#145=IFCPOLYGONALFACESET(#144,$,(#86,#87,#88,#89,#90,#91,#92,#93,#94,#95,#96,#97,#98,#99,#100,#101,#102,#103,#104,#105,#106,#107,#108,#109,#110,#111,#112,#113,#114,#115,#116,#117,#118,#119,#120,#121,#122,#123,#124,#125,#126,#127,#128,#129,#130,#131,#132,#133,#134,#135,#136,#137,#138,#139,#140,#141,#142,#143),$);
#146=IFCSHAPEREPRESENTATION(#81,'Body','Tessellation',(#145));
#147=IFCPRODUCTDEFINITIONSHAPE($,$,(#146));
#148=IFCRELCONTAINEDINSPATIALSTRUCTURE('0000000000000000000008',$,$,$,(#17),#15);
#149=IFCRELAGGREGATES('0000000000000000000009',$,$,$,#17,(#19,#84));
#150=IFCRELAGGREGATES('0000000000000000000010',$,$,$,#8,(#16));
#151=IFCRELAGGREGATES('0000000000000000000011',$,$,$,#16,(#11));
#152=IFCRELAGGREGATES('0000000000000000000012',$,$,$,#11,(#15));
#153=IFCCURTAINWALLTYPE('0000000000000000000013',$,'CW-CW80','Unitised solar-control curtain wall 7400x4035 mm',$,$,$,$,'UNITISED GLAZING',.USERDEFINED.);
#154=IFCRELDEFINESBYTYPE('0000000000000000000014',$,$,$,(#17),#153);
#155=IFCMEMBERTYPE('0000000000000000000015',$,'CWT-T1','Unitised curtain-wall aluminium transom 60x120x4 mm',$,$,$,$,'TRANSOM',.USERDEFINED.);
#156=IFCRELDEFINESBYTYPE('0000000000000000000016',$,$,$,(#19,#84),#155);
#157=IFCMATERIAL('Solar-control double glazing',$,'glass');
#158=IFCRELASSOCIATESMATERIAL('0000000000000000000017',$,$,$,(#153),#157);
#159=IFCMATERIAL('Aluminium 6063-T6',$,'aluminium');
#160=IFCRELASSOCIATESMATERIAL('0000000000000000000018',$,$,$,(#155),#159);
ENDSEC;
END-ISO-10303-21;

• [PROBLEM REQUIREMENTS] Begin at the line containing "#150=IFCRELAGGREGATES('0000000000000000000010',$,$,$,#8,(#16));" and reproduce each line through the end of the records above.

• [EXERCISE OUTPUT]
#150=IFCRELAGGREGATES('0000000000000000000010',$,$,$,#8,(#16));
#151=IFCRELAGGREGATES('0000000000000000000011',$,$,$,#16,(#11));
#152=IFCRELAGGREGATES('0000000000000000000012',$,$,$,#11,(#15));
#153=IFCCURTAINWALLTYPE('0000000000000000000013',$,'CW-CW80','Unitised solar-control curtain wall 7400x4035 mm',$,$,$,$,'UNITISED GLAZING',.USERDEFINED.);
#154=IFCRELDEFINESBYTYPE('0000000000000000000014',$,$,$,(#17),#153);
#155=IFCMEMBERTYPE('0000000000000000000015',$,'CWT-T1','Unitised curtain-wall aluminium transom 60x120x4 mm',$,$,$,$,'TRANSOM',.USERDEFINED.);
#156=IFCRELDEFINESBYTYPE('0000000000000000000016',$,$,$,(#19,#84),#155);
#157=IFCMATERIAL('Solar-control double glazing',$,'glass');
#158=IFCRELASSOCIATESMATERIAL('0000000000000000000017',$,$,$,(#153),#157);
#159=IFCMATERIAL('Aluminium 6063-T6',$,'aluminium');
#160=IFCRELASSOCIATESMATERIAL('0000000000000000000018',$,$,$,(#155),#159);
ENDSEC;
END-ISO-10303-21;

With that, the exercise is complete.